▶ **WHAT TO WORK ON**
Your job is to report every line of the entries that has "IFCSIUNIT".

▶ **SOURCE DATA**

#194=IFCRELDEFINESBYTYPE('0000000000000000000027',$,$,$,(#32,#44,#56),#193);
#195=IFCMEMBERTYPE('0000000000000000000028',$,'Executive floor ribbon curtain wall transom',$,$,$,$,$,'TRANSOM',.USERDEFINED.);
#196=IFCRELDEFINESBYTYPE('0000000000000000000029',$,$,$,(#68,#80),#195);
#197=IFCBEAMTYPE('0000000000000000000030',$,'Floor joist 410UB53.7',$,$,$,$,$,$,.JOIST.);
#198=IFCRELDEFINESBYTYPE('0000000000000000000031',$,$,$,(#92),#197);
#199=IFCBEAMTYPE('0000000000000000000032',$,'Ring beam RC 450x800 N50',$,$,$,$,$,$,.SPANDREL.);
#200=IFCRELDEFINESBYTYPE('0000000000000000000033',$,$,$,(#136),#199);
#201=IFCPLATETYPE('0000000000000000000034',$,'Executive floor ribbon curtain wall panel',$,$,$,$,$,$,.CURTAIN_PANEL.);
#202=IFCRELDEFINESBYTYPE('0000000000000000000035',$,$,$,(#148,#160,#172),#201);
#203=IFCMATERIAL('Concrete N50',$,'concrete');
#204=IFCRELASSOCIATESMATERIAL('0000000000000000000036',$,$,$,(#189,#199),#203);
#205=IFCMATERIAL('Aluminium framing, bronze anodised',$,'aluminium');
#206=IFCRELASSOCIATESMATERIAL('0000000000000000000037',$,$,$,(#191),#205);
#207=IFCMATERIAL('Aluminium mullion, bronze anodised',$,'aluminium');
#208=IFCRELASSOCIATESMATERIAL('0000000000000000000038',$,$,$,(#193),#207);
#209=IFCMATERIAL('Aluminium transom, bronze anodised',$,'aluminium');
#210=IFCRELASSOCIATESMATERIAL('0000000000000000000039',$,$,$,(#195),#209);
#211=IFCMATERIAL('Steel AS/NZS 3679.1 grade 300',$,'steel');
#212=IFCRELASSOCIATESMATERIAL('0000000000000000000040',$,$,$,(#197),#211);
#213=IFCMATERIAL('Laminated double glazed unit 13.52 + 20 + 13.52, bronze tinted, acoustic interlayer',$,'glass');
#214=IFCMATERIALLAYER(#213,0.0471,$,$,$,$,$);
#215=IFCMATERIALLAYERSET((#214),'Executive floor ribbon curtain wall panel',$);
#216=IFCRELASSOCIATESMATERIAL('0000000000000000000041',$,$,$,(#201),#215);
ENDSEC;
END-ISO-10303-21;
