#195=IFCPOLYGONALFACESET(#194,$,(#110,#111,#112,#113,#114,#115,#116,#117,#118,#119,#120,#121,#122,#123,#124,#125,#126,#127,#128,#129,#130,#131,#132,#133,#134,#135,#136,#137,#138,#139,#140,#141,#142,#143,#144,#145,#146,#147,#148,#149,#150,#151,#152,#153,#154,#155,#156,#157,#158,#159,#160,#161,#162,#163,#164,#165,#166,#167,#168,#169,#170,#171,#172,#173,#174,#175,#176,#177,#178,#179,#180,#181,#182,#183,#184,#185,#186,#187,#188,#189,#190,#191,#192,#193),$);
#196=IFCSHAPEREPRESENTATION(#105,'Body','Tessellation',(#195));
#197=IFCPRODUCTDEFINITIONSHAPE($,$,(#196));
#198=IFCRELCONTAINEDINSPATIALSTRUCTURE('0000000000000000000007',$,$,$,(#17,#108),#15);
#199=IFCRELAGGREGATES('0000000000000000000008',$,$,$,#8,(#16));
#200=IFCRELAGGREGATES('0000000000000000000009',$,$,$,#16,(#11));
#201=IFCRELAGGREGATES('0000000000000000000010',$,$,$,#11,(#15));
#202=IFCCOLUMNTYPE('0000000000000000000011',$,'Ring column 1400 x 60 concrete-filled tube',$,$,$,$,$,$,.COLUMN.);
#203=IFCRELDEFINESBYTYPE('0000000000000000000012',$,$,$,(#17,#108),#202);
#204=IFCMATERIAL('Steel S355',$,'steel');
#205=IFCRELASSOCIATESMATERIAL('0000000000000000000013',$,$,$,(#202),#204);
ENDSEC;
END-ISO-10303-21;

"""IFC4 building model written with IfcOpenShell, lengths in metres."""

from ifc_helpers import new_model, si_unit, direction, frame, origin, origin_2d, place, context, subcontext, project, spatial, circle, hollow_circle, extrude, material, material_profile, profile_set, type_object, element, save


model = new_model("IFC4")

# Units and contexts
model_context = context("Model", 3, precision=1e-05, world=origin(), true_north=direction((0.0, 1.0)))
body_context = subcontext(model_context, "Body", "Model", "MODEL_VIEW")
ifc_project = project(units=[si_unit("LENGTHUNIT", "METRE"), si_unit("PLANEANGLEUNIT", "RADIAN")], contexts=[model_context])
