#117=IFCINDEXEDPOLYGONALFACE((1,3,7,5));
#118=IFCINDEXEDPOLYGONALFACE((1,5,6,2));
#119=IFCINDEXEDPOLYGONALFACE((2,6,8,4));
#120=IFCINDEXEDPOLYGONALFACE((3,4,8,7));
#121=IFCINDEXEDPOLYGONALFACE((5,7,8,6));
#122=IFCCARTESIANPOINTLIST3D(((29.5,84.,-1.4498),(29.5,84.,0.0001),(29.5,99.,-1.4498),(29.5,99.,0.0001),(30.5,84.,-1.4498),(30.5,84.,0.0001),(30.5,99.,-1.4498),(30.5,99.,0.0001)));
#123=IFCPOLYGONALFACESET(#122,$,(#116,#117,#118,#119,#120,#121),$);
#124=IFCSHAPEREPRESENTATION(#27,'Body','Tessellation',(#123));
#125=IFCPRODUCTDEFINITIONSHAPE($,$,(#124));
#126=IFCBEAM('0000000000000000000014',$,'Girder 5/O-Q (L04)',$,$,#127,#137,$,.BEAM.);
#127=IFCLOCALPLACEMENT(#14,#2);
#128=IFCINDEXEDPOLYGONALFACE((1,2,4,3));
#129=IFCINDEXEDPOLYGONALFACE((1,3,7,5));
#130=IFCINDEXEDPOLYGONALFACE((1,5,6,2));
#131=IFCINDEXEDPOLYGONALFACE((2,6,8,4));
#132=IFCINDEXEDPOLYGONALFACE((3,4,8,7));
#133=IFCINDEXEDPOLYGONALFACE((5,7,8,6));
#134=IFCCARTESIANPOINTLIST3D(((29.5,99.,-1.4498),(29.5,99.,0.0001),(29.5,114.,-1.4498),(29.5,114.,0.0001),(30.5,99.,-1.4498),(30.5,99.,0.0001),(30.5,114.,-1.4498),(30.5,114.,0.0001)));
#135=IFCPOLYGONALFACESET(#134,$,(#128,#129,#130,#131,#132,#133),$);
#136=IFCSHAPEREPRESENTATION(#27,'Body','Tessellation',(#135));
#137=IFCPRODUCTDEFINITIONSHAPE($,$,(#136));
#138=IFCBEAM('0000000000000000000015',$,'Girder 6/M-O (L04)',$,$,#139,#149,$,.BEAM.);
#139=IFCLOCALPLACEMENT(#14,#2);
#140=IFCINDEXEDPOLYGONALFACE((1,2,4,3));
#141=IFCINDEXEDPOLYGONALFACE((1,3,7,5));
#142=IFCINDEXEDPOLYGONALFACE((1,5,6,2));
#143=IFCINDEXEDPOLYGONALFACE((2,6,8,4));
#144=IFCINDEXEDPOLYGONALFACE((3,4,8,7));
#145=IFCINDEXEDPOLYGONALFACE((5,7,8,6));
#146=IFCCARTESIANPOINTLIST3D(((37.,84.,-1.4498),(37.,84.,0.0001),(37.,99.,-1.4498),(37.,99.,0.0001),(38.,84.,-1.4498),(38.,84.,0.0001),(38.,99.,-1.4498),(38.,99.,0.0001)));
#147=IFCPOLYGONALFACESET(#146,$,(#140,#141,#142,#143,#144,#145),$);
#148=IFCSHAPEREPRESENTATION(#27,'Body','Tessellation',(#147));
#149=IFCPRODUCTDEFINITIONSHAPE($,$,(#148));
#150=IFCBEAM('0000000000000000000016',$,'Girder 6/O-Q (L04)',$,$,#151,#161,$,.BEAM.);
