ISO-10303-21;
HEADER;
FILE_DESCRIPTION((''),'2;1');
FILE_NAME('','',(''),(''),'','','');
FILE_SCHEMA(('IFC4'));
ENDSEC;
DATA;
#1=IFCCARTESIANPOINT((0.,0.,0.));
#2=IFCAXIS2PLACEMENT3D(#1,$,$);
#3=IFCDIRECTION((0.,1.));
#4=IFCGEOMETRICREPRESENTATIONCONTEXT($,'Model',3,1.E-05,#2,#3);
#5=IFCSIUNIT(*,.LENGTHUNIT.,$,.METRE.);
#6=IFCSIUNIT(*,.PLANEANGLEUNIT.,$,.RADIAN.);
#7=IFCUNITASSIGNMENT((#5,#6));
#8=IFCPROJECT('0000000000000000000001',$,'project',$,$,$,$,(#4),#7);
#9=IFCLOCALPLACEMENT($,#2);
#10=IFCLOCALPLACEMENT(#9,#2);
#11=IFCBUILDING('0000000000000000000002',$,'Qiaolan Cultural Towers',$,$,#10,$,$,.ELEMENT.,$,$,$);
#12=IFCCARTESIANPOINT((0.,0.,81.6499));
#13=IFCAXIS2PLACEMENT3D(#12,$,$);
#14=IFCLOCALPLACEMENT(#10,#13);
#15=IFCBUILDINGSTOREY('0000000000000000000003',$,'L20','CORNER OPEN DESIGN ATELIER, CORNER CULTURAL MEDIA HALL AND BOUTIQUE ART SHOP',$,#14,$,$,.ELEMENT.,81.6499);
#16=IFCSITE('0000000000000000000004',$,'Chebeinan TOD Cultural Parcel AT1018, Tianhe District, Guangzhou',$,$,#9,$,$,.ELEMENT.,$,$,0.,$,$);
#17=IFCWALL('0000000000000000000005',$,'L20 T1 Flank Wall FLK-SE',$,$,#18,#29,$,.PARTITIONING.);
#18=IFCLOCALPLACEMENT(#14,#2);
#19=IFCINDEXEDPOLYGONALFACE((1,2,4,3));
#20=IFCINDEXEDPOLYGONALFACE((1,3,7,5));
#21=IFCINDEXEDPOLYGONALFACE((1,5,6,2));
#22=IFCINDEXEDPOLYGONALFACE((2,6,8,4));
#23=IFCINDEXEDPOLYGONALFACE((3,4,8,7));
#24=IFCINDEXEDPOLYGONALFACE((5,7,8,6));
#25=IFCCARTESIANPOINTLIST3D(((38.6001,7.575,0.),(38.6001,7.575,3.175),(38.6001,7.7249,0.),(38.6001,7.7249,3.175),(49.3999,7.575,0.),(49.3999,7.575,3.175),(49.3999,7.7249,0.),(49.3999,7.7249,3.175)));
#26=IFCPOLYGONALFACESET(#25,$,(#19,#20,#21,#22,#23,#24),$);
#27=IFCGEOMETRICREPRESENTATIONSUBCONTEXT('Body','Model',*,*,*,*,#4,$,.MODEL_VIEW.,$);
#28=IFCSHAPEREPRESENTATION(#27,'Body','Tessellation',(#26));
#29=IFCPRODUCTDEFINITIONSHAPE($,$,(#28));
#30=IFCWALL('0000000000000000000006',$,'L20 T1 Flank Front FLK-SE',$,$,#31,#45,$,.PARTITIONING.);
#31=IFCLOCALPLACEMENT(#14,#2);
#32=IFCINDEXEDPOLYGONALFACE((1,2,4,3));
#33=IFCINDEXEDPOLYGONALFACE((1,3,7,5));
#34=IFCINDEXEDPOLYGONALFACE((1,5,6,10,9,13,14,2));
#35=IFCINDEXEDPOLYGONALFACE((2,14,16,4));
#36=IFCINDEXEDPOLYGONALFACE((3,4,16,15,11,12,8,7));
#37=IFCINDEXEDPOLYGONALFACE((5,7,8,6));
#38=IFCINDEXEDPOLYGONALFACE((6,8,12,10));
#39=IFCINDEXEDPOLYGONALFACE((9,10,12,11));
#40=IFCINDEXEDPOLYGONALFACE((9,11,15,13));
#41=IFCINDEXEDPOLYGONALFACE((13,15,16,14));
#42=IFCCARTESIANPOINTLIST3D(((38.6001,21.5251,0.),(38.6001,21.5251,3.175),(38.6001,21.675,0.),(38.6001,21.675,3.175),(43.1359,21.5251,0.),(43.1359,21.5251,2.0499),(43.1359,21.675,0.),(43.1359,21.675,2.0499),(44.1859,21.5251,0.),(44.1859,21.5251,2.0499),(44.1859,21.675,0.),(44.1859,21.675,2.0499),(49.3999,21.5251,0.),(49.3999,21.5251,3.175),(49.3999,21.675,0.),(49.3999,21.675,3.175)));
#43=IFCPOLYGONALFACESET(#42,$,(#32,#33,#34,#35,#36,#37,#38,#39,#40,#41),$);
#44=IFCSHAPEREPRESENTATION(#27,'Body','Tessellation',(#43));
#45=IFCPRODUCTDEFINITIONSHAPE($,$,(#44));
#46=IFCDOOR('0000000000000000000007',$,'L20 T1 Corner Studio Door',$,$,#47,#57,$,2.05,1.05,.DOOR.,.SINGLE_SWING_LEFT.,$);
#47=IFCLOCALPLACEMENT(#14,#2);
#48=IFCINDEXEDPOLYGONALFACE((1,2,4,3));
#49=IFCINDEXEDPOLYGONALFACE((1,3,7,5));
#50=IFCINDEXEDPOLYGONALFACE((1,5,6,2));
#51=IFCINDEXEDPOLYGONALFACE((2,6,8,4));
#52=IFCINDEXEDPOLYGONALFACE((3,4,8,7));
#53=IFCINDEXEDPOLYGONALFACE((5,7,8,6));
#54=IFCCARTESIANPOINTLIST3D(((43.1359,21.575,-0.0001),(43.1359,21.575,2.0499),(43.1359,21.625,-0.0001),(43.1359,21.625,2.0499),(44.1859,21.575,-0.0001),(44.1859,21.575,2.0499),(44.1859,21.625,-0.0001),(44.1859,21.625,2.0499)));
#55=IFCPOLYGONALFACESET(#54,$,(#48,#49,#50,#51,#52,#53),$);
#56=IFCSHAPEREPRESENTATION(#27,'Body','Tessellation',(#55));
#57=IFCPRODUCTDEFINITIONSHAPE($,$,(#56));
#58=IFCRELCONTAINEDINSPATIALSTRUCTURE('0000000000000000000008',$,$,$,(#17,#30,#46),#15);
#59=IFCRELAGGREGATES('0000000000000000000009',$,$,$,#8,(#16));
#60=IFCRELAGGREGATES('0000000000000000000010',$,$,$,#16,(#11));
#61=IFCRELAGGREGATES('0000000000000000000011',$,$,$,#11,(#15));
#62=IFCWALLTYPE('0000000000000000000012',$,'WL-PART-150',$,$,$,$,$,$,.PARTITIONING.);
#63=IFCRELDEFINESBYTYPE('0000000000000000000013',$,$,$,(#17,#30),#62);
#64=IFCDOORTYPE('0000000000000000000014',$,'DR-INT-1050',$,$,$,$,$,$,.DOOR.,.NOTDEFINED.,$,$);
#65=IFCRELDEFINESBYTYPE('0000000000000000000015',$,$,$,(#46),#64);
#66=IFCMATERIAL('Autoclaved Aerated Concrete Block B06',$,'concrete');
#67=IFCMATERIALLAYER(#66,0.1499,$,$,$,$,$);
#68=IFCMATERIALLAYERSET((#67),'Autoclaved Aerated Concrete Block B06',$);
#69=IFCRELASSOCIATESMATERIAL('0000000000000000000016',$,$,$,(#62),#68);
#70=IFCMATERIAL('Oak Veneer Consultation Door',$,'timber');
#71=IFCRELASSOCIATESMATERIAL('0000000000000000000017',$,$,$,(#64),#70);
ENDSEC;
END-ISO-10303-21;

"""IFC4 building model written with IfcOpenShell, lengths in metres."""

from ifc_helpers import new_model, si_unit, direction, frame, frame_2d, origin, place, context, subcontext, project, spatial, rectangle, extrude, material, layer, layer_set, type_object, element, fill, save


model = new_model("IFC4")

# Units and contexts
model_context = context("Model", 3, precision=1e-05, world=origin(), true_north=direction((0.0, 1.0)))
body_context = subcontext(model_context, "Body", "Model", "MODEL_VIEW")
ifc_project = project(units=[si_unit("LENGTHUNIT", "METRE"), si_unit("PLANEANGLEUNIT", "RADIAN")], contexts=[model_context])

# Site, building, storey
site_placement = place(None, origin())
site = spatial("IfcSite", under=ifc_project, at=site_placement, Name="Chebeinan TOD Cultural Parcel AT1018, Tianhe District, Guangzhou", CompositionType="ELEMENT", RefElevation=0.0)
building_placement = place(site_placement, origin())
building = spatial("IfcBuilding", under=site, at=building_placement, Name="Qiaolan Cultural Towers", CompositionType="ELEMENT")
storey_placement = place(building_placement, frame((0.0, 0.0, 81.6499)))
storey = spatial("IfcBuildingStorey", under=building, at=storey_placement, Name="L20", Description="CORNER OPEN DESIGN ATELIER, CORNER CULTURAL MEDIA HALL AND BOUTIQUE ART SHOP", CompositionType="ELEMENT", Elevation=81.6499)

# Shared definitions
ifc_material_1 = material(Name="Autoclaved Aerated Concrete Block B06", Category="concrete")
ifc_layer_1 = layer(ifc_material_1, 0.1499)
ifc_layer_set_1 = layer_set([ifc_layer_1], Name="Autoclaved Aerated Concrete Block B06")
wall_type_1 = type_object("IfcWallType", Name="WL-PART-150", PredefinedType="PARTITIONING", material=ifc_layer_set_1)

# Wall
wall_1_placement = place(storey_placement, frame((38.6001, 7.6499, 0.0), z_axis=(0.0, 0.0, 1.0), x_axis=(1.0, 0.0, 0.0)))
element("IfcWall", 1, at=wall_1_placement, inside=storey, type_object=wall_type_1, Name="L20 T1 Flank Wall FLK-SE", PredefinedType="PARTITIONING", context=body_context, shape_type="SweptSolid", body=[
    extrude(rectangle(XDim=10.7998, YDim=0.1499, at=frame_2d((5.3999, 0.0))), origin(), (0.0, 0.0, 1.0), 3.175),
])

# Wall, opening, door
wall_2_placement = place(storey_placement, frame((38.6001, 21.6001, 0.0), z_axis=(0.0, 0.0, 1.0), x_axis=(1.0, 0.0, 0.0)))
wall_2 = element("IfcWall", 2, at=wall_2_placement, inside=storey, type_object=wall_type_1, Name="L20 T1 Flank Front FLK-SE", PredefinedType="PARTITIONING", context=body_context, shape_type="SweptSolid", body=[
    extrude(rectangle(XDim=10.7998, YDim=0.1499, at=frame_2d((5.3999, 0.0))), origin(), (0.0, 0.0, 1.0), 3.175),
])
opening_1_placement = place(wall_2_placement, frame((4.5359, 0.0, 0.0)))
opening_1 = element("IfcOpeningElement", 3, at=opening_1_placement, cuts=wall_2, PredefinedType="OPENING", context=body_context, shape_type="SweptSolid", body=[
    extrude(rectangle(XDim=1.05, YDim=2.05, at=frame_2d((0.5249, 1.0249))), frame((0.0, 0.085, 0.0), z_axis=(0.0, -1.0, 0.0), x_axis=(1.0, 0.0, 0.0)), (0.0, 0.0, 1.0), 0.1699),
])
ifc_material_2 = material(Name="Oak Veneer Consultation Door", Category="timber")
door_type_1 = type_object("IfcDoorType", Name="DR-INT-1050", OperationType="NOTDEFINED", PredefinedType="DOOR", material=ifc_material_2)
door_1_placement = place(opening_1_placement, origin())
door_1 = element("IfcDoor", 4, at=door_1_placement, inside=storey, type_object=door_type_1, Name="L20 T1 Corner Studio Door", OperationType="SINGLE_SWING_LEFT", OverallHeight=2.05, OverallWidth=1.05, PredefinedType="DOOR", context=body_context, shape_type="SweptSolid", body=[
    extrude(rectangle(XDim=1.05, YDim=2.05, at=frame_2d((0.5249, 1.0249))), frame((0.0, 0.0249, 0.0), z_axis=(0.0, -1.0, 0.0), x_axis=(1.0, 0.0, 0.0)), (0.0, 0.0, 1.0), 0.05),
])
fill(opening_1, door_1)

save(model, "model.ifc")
---
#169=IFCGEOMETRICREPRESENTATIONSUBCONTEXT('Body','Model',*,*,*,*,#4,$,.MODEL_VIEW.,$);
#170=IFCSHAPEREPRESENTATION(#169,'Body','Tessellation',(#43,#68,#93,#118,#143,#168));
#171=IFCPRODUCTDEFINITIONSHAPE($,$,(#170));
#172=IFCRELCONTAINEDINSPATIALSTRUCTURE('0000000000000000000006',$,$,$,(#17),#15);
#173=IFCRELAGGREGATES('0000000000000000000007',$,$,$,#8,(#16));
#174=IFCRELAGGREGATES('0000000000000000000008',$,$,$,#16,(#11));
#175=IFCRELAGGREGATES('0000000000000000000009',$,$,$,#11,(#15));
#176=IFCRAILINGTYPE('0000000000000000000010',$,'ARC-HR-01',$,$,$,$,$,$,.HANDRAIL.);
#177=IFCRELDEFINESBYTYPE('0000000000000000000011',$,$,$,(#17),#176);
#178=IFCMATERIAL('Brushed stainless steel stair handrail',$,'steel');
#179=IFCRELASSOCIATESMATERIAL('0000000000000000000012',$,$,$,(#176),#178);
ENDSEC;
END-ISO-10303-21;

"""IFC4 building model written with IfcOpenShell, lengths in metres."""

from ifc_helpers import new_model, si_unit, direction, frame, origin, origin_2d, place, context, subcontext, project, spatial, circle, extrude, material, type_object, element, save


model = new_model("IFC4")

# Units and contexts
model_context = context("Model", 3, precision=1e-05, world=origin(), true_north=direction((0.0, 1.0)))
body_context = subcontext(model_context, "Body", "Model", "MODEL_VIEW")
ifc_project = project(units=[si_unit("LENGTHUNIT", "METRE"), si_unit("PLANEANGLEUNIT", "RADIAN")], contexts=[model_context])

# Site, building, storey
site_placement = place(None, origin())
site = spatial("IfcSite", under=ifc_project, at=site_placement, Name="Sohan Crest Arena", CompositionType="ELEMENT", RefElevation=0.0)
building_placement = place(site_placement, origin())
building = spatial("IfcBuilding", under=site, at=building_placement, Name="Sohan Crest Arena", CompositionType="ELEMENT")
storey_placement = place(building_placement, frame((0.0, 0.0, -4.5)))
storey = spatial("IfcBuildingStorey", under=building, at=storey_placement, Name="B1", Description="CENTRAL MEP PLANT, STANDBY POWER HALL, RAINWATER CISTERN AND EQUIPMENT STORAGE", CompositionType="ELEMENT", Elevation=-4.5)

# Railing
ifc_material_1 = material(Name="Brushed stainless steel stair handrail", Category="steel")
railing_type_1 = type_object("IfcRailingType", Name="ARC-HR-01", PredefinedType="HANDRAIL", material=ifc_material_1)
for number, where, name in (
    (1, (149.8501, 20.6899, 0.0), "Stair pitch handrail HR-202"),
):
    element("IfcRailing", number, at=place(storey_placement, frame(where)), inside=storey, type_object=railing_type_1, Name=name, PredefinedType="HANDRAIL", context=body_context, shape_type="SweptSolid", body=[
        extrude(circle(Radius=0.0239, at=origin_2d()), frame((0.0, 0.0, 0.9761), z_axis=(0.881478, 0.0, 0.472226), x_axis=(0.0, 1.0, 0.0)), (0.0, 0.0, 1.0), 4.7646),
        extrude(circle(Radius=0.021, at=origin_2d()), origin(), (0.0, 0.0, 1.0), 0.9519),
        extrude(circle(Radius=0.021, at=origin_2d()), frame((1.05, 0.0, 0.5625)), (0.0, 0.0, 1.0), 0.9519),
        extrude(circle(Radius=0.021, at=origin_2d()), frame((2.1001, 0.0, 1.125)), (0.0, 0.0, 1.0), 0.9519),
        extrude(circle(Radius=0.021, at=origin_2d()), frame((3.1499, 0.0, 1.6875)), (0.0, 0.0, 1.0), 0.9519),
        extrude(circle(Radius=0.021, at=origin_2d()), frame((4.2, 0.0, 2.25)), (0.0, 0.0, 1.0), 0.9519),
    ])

▶ **OUTPUT OF THE EXERCISE**
#5=IFCSIUNIT(*,.LENGTHUNIT.,$,.METRE.);
#6=IFCSIUNIT(*,.PLANEANGLEUNIT.,$,.RADIAN.);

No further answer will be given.